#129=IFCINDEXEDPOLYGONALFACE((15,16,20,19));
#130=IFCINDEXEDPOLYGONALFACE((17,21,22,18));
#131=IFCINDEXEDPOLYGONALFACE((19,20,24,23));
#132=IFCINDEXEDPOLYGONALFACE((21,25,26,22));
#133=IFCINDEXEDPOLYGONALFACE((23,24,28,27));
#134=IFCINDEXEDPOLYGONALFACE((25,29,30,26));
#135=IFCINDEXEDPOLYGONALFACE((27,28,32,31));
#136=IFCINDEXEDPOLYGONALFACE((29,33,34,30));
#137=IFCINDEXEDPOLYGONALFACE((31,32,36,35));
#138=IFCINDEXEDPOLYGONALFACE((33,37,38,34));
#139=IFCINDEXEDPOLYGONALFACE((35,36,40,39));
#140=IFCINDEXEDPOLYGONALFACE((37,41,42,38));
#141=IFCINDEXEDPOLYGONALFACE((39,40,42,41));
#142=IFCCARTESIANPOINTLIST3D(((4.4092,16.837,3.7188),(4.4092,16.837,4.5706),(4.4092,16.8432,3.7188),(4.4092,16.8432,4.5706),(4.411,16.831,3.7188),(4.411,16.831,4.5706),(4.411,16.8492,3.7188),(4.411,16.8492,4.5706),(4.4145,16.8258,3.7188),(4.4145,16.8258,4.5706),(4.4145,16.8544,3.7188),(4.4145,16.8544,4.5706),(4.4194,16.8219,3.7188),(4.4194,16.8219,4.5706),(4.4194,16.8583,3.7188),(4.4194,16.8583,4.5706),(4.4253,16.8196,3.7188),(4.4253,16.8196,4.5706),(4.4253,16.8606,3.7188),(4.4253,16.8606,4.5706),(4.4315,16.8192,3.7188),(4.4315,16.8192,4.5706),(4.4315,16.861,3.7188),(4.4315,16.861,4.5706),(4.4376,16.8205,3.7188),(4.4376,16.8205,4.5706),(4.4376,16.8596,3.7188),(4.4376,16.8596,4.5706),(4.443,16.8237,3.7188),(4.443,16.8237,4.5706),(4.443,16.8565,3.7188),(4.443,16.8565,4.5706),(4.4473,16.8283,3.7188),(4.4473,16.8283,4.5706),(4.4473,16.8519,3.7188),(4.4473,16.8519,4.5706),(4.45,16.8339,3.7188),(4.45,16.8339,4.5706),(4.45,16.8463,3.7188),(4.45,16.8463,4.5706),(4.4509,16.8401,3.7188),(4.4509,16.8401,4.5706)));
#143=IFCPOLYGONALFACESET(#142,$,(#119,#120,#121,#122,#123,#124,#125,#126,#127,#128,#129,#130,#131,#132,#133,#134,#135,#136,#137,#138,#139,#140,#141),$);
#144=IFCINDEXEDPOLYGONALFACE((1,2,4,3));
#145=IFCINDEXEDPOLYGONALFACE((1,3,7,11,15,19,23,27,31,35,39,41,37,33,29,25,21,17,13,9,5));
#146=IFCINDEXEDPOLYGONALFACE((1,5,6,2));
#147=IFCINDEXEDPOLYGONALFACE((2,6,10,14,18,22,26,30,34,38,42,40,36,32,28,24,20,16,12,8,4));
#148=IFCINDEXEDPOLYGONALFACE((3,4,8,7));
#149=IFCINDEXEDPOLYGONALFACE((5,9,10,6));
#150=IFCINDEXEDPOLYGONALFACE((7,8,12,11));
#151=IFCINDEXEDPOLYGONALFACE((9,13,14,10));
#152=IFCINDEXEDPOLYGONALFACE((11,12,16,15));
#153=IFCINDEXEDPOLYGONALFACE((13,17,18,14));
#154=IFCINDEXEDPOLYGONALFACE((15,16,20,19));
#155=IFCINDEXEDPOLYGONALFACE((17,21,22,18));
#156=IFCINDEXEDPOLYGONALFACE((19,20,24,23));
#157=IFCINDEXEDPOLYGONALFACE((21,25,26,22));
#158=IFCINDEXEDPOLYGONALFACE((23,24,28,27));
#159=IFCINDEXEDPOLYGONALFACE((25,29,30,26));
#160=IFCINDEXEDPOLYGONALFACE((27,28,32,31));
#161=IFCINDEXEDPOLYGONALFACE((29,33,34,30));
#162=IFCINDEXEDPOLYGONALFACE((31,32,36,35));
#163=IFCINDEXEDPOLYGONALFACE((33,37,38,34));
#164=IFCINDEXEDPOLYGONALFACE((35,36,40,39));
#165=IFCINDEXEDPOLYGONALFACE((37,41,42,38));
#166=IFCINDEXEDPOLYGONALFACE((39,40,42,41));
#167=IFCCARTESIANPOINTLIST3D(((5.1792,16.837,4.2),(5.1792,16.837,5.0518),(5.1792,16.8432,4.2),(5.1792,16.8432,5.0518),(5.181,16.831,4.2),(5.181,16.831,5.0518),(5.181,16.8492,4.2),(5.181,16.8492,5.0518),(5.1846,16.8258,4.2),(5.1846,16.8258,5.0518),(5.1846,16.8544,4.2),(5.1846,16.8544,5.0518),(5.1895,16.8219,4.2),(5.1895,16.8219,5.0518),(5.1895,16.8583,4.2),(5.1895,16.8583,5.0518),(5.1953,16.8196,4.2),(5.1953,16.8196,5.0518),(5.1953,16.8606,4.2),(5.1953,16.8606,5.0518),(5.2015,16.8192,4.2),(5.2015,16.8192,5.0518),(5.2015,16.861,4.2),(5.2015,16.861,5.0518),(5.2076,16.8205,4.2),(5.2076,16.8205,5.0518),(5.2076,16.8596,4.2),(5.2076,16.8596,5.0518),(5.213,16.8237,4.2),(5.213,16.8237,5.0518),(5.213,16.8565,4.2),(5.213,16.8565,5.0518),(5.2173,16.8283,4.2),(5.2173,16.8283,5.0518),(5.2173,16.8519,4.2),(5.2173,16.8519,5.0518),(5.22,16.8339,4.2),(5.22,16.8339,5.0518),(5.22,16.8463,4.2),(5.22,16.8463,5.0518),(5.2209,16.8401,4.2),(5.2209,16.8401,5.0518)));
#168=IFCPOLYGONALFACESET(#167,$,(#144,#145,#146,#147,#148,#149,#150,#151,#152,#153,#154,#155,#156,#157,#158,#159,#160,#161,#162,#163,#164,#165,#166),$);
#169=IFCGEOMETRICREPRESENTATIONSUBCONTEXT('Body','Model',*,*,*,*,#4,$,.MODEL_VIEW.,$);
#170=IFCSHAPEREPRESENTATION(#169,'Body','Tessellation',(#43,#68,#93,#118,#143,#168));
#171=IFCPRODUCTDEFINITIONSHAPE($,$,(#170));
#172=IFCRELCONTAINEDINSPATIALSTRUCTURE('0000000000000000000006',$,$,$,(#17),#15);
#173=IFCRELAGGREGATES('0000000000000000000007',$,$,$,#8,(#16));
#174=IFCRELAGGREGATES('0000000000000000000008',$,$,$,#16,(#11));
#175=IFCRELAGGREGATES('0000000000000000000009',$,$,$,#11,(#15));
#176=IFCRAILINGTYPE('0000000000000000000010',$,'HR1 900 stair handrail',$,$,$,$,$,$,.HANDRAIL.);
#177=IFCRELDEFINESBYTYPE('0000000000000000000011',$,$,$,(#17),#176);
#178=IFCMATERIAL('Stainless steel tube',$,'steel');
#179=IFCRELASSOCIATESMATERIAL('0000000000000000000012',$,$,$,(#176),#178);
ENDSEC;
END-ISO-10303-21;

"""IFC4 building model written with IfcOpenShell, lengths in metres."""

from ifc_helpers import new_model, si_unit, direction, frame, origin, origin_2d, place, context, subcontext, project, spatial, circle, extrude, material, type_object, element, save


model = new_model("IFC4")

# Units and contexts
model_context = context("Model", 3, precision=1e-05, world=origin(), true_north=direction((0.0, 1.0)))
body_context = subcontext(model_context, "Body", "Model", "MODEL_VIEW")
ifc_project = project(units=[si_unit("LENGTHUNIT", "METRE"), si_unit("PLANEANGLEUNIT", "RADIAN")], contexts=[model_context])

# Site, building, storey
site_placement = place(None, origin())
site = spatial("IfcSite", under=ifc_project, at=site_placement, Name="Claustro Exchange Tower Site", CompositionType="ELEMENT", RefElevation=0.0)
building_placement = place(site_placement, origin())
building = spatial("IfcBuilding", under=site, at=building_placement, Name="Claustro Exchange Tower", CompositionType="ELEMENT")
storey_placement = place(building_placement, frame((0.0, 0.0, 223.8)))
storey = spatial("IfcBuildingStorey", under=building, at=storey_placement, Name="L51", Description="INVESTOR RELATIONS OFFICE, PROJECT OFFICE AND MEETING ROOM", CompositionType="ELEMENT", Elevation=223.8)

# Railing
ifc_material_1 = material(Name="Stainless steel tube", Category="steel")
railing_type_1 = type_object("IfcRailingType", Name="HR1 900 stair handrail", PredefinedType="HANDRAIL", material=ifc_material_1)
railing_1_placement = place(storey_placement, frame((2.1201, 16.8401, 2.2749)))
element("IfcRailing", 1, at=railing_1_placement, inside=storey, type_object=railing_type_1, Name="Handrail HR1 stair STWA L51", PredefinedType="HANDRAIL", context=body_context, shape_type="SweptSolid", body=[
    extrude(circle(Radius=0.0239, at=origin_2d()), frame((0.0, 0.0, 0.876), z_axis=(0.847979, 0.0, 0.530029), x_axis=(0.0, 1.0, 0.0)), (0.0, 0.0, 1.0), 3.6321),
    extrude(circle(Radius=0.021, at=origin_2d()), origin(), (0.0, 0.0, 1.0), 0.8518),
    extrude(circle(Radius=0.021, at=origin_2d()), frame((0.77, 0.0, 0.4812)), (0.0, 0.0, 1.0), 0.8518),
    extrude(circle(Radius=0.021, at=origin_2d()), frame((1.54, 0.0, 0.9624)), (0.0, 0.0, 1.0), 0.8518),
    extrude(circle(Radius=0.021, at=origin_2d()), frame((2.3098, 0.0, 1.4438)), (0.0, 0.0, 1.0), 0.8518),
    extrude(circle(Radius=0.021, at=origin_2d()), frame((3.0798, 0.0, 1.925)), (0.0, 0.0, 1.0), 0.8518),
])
+++
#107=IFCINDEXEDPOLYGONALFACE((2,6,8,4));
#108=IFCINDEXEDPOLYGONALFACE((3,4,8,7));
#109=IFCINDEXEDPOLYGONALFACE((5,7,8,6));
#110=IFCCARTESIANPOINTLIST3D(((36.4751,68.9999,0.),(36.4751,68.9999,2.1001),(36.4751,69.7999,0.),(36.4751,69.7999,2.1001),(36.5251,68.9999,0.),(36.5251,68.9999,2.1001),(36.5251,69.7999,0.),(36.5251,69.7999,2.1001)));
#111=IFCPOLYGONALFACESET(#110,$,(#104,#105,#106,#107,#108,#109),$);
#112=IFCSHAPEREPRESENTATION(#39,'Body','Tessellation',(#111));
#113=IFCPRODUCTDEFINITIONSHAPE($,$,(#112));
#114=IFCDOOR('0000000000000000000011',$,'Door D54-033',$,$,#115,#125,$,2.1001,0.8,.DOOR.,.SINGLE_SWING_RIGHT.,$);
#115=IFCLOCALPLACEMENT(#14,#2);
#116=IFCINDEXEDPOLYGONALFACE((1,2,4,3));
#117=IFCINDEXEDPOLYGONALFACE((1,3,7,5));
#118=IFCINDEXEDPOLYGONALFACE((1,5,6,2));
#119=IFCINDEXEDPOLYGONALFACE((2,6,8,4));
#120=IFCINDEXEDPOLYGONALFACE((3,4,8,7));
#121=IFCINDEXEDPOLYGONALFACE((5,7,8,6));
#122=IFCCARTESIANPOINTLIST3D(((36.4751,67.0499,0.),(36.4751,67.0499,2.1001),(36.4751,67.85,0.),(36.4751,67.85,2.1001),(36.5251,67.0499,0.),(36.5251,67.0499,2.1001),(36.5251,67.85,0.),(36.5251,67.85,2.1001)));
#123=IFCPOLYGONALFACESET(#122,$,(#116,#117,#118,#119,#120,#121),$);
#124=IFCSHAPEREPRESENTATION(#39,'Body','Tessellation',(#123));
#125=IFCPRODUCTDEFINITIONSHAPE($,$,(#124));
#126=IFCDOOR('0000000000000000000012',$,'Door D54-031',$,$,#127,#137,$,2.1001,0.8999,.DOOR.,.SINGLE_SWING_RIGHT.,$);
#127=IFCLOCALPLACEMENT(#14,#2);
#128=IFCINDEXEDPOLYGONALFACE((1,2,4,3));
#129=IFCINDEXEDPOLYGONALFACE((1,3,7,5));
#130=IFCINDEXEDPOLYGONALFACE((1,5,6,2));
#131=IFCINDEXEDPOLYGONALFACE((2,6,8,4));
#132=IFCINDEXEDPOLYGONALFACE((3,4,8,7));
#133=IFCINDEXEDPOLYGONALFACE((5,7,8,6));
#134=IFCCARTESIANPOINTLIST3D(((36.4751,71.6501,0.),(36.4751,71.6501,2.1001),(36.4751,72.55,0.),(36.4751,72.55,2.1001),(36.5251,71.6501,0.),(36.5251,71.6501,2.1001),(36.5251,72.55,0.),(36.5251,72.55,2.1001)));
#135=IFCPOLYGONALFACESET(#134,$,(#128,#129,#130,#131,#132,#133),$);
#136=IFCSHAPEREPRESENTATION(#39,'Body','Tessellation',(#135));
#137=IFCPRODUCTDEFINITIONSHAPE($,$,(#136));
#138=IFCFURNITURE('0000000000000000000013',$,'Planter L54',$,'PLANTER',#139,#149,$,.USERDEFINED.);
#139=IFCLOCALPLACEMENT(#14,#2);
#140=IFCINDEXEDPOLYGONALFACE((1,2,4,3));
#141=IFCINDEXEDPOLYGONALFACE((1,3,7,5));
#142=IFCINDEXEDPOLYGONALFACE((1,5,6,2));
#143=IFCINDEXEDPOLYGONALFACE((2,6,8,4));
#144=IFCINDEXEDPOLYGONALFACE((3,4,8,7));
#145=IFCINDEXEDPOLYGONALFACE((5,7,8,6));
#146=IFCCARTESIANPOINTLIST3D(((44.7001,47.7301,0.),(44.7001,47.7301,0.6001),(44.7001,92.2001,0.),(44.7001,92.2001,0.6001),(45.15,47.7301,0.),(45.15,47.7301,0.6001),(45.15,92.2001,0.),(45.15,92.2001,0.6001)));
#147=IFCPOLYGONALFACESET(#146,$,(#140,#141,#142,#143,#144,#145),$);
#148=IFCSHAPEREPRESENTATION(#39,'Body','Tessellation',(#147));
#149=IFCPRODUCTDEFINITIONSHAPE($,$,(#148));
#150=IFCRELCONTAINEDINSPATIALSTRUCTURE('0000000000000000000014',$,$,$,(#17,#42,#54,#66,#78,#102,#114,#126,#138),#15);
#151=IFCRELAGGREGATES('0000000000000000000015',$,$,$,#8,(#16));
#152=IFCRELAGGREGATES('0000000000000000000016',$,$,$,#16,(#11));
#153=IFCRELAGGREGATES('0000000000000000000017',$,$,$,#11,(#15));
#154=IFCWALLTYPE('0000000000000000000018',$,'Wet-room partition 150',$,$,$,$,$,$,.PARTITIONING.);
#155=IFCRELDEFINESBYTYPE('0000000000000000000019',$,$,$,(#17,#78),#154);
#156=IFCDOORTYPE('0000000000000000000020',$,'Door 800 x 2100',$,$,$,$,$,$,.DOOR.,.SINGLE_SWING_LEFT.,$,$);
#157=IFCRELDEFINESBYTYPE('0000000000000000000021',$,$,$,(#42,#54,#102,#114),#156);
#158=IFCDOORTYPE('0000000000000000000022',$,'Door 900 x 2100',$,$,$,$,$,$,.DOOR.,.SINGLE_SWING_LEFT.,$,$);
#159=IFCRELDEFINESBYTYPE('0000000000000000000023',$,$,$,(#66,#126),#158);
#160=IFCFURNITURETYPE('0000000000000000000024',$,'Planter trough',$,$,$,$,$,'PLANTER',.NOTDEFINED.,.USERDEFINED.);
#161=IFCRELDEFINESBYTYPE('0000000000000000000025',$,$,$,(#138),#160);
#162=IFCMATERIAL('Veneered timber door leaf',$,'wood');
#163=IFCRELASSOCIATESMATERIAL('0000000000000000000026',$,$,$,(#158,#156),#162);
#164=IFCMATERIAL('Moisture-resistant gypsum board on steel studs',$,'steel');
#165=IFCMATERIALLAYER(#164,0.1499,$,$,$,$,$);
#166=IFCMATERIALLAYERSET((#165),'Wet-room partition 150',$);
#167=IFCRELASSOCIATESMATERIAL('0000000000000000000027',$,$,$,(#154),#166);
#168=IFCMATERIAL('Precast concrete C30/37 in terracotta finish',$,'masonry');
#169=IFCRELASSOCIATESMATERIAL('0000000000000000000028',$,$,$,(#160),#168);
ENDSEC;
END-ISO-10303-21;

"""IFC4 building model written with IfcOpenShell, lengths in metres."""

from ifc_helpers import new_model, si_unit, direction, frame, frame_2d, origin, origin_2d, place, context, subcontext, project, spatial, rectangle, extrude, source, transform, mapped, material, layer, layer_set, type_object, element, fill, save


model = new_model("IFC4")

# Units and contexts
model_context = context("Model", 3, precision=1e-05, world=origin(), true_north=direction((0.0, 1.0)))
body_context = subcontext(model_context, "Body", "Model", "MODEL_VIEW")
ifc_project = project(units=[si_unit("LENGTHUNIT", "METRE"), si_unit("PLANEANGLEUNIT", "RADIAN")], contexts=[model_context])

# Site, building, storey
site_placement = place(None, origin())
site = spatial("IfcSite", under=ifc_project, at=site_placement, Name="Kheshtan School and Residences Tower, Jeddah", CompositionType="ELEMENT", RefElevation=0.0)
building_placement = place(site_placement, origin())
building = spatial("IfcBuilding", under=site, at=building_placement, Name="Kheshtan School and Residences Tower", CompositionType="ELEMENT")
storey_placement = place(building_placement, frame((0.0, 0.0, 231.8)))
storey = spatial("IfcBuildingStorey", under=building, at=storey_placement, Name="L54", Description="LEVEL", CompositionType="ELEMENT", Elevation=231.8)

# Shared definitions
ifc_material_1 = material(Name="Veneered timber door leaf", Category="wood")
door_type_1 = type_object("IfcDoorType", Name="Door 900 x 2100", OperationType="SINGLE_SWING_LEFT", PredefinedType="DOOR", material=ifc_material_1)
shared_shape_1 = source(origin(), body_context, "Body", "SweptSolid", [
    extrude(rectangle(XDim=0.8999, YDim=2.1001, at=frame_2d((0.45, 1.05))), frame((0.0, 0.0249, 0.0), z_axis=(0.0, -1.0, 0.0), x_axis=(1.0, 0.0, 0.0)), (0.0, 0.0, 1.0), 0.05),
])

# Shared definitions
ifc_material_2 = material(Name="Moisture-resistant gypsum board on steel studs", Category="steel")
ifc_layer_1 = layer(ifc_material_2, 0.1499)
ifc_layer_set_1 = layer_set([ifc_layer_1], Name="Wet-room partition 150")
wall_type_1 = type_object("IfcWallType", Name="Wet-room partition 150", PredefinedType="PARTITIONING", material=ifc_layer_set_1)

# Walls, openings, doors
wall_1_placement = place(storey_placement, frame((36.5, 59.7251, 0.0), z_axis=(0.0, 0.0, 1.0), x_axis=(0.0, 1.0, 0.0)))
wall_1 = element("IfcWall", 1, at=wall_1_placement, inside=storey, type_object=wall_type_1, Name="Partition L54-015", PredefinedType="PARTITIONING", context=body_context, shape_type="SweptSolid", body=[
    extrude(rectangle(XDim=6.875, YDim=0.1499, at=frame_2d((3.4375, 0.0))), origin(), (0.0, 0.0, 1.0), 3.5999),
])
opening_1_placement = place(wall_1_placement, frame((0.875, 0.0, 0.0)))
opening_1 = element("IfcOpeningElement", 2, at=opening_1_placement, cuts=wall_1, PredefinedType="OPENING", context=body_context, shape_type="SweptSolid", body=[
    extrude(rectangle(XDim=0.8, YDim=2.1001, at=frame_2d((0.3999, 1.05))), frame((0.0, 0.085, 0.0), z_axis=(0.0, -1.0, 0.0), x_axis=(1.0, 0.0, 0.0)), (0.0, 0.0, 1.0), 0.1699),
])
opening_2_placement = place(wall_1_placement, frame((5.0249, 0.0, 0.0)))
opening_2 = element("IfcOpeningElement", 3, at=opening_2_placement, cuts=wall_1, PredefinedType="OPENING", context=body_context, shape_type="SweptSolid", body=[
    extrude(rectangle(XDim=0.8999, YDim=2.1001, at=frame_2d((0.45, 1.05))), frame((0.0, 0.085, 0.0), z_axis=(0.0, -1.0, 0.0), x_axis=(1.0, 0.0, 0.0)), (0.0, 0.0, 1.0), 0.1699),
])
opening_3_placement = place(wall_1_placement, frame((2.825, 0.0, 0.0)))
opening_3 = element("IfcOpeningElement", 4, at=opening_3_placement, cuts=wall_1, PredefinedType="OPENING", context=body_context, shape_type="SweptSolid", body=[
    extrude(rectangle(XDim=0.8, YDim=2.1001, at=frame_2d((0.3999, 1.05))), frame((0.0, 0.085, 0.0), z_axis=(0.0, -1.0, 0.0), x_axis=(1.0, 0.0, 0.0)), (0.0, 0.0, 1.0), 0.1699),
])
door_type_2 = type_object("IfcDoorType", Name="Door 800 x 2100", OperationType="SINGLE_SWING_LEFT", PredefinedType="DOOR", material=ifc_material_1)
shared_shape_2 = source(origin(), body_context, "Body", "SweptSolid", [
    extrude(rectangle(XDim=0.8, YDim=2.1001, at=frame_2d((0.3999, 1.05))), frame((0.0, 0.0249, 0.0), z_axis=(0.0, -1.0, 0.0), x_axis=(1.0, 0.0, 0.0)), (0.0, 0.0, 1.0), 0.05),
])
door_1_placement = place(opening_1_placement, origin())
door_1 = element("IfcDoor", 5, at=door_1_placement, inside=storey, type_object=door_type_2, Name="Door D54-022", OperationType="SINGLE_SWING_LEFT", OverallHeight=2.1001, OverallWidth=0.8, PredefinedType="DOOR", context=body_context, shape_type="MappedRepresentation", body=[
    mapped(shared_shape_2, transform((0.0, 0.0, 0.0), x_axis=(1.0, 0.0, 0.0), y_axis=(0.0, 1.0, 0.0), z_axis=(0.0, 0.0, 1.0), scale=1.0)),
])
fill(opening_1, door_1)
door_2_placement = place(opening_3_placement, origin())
+++
Work request:
Every line above from the line with "#129=IFCINDEXEDPOLYGONALFACE((15,16,20,19));" to the line with "#137=IFCINDEXEDPOLYGONALFACE((31,32,36,35));", inclusive, must be returned exactly; no other line belongs in the reply.

Written solution:
#129=IFCINDEXEDPOLYGONALFACE((15,16,20,19));
#130=IFCINDEXEDPOLYGONALFACE((17,21,22,18));
#131=IFCINDEXEDPOLYGONALFACE((19,20,24,23));
#132=IFCINDEXEDPOLYGONALFACE((21,25,26,22));
#133=IFCINDEXEDPOLYGONALFACE((23,24,28,27));
#134=IFCINDEXEDPOLYGONALFACE((25,29,30,26));
#135=IFCINDEXEDPOLYGONALFACE((27,28,32,31));
#136=IFCINDEXEDPOLYGONALFACE((29,33,34,30));
#137=IFCINDEXEDPOLYGONALFACE((31,32,36,35));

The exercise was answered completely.